# WORK TASK
Only the lines that hold "IFCRELCONTAINEDINSPATIALSTRUCTURE" should be in the answer, each copied from the data below.

# MATERIAL SUPPLIED
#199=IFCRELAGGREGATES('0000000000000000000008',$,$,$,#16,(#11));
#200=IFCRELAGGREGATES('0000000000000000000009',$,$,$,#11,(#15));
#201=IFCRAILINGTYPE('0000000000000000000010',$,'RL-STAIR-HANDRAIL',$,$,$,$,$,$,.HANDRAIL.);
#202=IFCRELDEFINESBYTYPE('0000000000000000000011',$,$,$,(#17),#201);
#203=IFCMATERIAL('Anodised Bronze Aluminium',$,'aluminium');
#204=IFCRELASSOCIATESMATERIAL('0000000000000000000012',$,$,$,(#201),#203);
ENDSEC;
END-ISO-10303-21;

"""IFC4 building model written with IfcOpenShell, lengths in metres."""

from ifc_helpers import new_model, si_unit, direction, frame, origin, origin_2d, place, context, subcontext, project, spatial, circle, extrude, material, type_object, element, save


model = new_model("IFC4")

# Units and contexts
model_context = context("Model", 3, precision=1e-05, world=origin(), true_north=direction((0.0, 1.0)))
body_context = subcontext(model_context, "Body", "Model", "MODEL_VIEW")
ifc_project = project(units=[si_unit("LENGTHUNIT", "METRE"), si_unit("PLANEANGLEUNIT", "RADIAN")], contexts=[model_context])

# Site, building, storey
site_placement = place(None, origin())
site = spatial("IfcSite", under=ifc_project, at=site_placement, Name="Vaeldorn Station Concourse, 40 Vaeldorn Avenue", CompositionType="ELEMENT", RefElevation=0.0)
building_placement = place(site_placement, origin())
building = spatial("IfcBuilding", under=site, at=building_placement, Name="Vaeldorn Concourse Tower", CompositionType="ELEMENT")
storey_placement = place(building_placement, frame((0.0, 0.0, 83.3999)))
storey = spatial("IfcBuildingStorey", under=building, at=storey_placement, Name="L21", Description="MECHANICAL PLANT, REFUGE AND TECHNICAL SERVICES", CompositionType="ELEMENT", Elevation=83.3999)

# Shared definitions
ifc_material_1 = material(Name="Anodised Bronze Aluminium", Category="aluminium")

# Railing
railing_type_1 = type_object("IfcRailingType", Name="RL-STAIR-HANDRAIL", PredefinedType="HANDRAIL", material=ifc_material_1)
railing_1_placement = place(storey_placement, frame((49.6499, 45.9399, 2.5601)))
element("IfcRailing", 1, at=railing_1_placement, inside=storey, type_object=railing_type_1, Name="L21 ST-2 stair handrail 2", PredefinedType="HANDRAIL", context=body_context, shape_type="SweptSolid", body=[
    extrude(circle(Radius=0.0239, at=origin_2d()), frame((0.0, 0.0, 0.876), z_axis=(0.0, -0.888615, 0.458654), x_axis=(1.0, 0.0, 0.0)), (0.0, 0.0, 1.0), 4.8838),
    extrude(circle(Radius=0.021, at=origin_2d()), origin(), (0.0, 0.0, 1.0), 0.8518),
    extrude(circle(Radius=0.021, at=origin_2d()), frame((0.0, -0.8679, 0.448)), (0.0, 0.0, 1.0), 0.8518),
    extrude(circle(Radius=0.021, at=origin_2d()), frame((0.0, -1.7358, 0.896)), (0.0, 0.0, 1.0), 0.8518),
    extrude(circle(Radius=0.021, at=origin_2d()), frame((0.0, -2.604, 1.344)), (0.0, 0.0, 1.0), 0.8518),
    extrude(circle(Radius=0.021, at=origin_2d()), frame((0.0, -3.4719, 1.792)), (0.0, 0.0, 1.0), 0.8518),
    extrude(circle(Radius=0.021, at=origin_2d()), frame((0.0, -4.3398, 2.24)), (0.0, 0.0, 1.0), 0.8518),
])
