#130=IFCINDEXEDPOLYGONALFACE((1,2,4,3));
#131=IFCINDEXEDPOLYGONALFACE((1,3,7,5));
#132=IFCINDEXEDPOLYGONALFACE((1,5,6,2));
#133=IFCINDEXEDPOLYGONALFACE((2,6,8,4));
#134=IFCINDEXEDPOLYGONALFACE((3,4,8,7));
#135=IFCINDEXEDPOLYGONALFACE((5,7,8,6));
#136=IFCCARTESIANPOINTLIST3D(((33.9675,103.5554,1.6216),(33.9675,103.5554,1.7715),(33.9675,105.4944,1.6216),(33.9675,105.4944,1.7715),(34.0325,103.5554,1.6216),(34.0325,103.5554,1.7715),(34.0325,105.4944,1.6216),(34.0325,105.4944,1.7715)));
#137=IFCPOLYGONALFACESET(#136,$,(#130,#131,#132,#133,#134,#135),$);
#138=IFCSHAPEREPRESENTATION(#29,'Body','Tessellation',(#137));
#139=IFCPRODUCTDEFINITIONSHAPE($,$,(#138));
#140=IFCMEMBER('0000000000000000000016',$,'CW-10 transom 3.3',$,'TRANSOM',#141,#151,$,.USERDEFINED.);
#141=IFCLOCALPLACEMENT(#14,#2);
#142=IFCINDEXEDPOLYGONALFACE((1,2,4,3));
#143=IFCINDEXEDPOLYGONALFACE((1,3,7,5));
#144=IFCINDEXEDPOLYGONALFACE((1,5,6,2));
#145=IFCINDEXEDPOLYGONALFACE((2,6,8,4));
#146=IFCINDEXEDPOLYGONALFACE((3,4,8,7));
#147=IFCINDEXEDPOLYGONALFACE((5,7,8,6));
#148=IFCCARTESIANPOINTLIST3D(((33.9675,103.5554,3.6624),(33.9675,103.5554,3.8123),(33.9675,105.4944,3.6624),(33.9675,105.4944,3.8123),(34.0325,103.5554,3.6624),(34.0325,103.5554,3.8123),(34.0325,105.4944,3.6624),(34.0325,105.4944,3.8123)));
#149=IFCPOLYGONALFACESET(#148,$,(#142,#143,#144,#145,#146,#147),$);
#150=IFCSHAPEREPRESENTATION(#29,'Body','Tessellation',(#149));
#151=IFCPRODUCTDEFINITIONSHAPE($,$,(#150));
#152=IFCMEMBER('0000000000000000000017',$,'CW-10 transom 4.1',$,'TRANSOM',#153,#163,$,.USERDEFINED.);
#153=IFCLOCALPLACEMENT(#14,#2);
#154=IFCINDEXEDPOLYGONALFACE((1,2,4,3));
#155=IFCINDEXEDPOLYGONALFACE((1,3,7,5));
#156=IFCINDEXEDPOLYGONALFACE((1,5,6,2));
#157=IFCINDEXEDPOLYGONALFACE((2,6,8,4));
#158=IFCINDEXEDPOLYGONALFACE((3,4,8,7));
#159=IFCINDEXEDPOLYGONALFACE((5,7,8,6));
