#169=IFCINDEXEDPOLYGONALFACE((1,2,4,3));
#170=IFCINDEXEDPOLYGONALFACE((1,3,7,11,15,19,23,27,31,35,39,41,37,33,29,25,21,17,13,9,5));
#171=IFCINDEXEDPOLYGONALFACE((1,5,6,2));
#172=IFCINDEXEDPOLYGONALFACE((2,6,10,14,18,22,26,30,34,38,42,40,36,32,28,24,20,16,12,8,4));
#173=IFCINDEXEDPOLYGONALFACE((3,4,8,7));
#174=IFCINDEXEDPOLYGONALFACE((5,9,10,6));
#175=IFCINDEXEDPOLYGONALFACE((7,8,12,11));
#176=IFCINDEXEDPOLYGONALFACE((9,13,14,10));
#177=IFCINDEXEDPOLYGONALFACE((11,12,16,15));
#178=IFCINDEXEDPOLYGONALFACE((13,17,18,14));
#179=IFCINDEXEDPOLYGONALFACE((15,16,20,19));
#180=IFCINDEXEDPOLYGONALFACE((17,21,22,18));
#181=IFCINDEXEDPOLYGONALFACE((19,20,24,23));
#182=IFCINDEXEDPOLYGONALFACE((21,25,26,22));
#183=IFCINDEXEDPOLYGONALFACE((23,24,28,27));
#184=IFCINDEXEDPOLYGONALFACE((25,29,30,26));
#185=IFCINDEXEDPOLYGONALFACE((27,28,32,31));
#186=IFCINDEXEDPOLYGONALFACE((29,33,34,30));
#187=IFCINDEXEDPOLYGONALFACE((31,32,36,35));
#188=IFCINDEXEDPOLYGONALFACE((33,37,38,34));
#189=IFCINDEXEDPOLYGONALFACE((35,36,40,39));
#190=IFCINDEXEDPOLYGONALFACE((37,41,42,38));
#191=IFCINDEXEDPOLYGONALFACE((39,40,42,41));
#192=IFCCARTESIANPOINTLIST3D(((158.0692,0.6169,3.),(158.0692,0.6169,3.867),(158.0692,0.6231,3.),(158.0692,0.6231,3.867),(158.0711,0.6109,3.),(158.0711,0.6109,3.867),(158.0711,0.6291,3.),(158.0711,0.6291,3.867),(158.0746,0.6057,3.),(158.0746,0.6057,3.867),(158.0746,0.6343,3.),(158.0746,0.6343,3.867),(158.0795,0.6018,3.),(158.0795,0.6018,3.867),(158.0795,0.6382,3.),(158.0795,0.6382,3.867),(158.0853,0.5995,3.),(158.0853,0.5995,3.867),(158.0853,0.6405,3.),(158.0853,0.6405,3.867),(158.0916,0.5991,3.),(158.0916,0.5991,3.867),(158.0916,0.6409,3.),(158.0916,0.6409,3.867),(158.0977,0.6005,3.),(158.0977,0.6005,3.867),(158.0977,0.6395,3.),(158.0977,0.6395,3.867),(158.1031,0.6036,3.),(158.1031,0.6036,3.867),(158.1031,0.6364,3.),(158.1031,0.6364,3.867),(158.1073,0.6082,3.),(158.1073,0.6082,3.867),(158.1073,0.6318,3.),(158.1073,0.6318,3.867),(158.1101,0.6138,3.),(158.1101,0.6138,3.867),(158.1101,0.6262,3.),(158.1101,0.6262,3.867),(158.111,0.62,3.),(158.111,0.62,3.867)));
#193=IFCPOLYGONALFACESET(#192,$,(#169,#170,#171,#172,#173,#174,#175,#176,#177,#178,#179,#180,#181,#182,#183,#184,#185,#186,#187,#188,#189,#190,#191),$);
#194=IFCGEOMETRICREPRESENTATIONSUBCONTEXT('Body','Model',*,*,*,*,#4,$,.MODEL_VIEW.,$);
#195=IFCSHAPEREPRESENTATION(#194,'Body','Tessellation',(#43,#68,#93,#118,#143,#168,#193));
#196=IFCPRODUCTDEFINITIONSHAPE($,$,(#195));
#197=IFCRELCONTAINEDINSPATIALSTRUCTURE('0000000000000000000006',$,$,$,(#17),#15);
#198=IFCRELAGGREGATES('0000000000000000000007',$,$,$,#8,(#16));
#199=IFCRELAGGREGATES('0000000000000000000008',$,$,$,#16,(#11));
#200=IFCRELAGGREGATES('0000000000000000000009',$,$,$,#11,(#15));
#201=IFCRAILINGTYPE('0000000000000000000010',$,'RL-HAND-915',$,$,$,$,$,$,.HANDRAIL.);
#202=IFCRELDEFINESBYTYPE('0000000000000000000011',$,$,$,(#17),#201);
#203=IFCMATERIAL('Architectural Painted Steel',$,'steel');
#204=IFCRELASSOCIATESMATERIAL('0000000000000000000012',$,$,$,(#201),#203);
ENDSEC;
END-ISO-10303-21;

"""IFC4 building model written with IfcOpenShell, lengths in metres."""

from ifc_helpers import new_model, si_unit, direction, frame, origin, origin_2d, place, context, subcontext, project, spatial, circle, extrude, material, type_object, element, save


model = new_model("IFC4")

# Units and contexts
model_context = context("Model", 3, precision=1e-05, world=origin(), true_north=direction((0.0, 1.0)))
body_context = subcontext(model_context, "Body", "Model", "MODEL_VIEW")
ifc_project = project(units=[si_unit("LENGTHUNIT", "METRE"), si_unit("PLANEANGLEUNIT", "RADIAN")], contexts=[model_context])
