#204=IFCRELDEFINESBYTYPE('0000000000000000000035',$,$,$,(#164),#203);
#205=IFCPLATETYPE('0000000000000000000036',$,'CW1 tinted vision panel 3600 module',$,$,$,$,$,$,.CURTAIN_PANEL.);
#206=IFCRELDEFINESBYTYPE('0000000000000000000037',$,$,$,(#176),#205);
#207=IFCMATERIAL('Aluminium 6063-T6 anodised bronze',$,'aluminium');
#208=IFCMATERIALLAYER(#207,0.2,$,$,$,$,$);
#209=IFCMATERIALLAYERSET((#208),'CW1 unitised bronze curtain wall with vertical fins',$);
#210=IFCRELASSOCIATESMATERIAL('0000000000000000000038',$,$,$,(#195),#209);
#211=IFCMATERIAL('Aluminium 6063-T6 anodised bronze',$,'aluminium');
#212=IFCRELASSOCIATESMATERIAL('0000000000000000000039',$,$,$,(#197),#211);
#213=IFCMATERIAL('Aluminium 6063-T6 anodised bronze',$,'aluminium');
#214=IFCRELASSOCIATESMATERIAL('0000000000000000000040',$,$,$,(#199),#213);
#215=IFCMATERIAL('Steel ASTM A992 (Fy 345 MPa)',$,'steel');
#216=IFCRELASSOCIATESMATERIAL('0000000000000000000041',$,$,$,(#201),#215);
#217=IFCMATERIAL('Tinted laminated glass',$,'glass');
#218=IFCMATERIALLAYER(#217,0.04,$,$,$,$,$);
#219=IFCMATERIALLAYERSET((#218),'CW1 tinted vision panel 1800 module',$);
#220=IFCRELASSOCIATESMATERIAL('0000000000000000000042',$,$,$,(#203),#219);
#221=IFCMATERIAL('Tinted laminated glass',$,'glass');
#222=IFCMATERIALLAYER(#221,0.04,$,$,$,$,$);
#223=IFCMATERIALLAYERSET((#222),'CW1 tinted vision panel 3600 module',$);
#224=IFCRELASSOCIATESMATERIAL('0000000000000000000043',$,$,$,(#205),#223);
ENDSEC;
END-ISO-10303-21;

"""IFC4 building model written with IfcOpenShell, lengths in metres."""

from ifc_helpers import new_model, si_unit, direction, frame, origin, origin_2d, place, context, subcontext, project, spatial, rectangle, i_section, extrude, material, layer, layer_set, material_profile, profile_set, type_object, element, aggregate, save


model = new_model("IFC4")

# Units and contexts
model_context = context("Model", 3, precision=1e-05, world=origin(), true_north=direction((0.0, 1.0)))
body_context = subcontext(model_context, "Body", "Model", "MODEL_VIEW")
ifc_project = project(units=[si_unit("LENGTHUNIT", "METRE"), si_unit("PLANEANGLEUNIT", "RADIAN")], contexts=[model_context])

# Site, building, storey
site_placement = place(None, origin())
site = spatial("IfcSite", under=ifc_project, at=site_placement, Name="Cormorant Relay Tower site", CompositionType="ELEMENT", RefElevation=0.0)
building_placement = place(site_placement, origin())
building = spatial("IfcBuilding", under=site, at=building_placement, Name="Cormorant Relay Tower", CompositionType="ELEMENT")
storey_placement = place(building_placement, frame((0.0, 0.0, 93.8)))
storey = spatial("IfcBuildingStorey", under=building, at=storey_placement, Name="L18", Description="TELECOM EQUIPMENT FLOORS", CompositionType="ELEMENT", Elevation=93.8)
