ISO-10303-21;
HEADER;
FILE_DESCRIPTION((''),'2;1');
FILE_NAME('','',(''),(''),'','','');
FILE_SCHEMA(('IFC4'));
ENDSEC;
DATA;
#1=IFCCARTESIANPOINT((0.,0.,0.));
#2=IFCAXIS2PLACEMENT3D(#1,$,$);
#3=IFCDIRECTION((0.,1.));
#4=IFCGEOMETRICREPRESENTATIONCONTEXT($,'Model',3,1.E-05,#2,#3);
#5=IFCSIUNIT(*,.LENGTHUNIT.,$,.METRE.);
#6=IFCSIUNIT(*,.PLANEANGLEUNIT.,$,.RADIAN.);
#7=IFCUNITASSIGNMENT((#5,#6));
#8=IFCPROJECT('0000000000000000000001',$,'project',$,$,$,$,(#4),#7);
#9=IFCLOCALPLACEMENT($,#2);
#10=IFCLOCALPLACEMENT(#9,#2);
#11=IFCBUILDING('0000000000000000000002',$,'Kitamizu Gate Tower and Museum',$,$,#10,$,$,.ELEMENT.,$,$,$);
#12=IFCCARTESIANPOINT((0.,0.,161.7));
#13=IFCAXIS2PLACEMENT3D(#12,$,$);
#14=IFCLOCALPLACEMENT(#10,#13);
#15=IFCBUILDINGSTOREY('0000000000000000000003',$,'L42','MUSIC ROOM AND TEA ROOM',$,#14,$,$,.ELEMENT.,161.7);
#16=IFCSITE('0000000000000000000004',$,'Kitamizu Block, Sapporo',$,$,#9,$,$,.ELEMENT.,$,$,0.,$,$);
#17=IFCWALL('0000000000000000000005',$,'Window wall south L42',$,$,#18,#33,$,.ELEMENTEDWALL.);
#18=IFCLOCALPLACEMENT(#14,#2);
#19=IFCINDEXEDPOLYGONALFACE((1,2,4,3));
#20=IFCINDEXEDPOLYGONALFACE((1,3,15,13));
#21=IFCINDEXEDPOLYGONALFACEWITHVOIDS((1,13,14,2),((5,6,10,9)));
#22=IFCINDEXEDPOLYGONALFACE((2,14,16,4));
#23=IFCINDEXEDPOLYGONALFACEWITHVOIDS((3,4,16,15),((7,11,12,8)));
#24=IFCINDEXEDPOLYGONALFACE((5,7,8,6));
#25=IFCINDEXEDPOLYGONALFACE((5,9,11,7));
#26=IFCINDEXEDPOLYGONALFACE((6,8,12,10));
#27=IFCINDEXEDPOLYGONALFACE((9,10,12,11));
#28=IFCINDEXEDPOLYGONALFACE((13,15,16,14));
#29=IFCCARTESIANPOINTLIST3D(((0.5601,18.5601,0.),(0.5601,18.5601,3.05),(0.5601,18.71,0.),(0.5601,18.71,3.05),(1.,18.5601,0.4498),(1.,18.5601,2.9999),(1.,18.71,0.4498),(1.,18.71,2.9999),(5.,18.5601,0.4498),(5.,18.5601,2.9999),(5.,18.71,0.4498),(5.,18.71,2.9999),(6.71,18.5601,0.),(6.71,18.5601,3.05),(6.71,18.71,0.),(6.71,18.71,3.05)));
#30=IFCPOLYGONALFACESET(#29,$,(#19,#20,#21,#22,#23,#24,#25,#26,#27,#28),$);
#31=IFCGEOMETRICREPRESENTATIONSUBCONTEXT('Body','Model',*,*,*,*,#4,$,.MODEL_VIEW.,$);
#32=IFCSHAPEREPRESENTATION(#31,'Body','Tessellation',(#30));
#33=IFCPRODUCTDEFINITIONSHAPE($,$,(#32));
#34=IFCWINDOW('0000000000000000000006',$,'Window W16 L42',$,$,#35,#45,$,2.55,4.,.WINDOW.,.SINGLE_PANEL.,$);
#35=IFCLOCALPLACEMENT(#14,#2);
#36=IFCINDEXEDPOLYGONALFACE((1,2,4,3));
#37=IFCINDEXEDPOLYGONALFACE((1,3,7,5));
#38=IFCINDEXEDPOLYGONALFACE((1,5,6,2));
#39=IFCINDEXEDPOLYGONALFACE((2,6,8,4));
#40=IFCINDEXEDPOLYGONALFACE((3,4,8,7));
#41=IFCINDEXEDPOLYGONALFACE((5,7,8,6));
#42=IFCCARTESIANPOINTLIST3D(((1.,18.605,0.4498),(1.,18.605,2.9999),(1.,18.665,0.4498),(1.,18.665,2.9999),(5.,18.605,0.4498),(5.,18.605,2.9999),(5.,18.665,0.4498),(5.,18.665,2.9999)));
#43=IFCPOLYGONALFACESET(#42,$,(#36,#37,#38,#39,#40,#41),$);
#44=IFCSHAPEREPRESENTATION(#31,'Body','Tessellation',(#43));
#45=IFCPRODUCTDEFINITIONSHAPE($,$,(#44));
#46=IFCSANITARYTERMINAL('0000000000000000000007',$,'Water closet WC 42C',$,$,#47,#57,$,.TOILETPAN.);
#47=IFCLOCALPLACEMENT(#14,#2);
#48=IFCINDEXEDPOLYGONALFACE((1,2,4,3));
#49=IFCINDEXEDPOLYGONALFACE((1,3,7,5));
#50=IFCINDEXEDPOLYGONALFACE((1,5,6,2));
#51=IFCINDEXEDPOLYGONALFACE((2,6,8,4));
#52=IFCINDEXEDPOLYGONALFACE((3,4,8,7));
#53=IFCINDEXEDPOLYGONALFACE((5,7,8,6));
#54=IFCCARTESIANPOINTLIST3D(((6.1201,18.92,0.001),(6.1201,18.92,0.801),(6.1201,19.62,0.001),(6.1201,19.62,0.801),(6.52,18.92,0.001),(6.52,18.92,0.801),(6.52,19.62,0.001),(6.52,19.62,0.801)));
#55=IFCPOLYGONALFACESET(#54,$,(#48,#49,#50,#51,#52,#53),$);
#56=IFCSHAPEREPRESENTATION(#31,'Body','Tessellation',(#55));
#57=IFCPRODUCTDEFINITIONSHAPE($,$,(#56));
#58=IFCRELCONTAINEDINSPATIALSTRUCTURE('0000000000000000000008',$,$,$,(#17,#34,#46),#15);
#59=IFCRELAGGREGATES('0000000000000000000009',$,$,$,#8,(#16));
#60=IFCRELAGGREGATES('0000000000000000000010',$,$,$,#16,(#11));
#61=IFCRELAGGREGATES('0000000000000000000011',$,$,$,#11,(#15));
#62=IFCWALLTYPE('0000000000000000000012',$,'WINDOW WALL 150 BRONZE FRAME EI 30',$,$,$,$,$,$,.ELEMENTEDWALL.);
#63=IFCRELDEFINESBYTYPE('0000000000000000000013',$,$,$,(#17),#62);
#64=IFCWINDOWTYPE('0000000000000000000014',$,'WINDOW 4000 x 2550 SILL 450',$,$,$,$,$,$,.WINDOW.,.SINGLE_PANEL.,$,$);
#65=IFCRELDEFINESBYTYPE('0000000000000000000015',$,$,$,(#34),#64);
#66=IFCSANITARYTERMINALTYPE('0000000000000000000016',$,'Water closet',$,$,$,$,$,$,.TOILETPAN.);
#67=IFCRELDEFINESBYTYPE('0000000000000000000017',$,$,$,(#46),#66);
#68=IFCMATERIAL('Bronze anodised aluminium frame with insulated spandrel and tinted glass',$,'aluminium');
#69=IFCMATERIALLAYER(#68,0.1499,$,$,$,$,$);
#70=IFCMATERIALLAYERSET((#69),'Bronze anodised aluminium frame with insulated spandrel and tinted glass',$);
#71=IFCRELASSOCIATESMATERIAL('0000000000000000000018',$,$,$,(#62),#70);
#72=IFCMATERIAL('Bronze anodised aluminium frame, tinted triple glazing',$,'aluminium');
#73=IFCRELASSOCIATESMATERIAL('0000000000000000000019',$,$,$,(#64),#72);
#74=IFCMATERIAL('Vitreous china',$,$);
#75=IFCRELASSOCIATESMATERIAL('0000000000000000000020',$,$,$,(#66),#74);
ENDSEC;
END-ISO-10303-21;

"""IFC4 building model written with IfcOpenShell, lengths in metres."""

from ifc_helpers import new_model, si_unit, direction, frame, frame_2d, origin, origin_2d, place, context, subcontext, project, spatial, rectangle, extrude, material, layer, layer_set, type_object, element, fill, save


model = new_model("IFC4")

# Units and contexts
model_context = context("Model", 3, precision=1e-05, world=origin(), true_north=direction((0.0, 1.0)))
body_context = subcontext(model_context, "Body", "Model", "MODEL_VIEW")
ifc_project = project(units=[si_unit("LENGTHUNIT", "METRE"), si_unit("PLANEANGLEUNIT", "RADIAN")], contexts=[model_context])

# Site, building, storey
site_placement = place(None, origin())
site = spatial("IfcSite", under=ifc_project, at=site_placement, Name="Kitamizu Block, Sapporo", CompositionType="ELEMENT", RefElevation=0.0)
building_placement = place(site_placement, origin())
building = spatial("IfcBuilding", under=site, at=building_placement, Name="Kitamizu Gate Tower and Museum", CompositionType="ELEMENT")
storey_placement = place(building_placement, frame((0.0, 0.0, 161.7)))
storey = spatial("IfcBuildingStorey", under=building, at=storey_placement, Name="L42", Description="MUSIC ROOM AND TEA ROOM", CompositionType="ELEMENT", Elevation=161.7)

# Shared definitions
ifc_material_1 = material(Name="Bronze anodised aluminium frame with insulated spandrel and tinted glass", Category="aluminium")
ifc_layer_1 = layer(ifc_material_1, 0.1499)
ifc_layer_set_1 = layer_set([ifc_layer_1], Name="Bronze anodised aluminium frame with insulated spandrel and tinted glass")
wall_type_1 = type_object("IfcWallType", Name="WINDOW WALL 150 BRONZE FRAME EI 30", PredefinedType="ELEMENTEDWALL", material=ifc_layer_set_1)

# Wall, opening, window
wall_1_placement = place(storey_placement, frame((0.5601, 18.635, 0.0), z_axis=(0.0, 0.0, 1.0), x_axis=(1.0, 0.0, 0.0)))
wall_1 = element("IfcWall", 1, at=wall_1_placement, inside=storey, type_object=wall_type_1, Name="Window wall south L42", PredefinedType="ELEMENTEDWALL", context=body_context, shape_type="SweptSolid", body=[
    extrude(rectangle(XDim=6.1499, YDim=0.1499, at=frame_2d((3.075, 0.0))), origin(), (0.0, 0.0, 1.0), 3.05),
])
opening_1_placement = place(wall_1_placement, frame((0.4399, 0.0, 0.45)))
opening_1 = element("IfcOpeningElement", 2, at=opening_1_placement, cuts=wall_1, PredefinedType="OPENING", context=body_context, shape_type="SweptSolid", body=[
    extrude(rectangle(XDim=4.0, YDim=2.55, at=frame_2d((2.0, 1.2749))), frame((0.0, 0.085, 0.0), z_axis=(0.0, -1.0, 0.0), x_axis=(1.0, 0.0, 0.0)), (0.0, 0.0, 1.0), 0.1699),
])
ifc_material_2 = material(Name="Bronze anodised aluminium frame, tinted triple glazing", Category="aluminium")
window_type_1 = type_object("IfcWindowType", Name="WINDOW 4000 x 2550 SILL 450", PartitioningType="SINGLE_PANEL", PredefinedType="WINDOW", material=ifc_material_2)
window_1_placement = place(opening_1_placement, origin())
window_1 = element("IfcWindow", 3, at=window_1_placement, inside=storey, type_object=window_type_1, Name="Window W16 L42", OverallHeight=2.55, OverallWidth=4.0, PartitioningType="SINGLE_PANEL", PredefinedType="WINDOW", context=body_context, shape_type="SweptSolid", body=[
    extrude(rectangle(XDim=4.0, YDim=2.55, at=frame_2d((2.0, 1.2749))), frame((0.0, 0.03, 0.0), z_axis=(0.0, -1.0, 0.0), x_axis=(1.0, 0.0, 0.0)), (0.0, 0.0, 1.0), 0.0601),
])
fill(opening_1, window_1)

# Sanitary terminal
ifc_material_3 = material(Name="Vitreous china")
sanitary_terminal_type = type_object("IfcSanitaryTerminalType", Name="Water closet", PredefinedType="TOILETPAN", material=ifc_material_3)
sanitary_terminal_placement = place(storey_placement, frame((6.3201, 19.27, 0.001), z_axis=(0.0, 0.0, 1.0), x_axis=(1.0, 0.0, 0.0)))
element("IfcSanitaryTerminal", 4, at=sanitary_terminal_placement, inside=storey, type_object=sanitary_terminal_type, Name="Water closet WC 42C", PredefinedType="TOILETPAN", context=body_context, shape_type="SweptSolid", body=[
    extrude(rectangle(XDim=0.3999, YDim=0.7, at=origin_2d()), origin(), (0.0, 0.0, 1.0), 0.8),
])

save(model, "model.ifc")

# ANSWER FOR THE TASK
#197=IFCRELCONTAINEDINSPATIALSTRUCTURE('0000000000000000000006',$,$,$,(#17),#15);
#58=IFCRELCONTAINEDINSPATIALSTRUCTURE('0000000000000000000008',$,$,$,(#17,#34,#46),#15);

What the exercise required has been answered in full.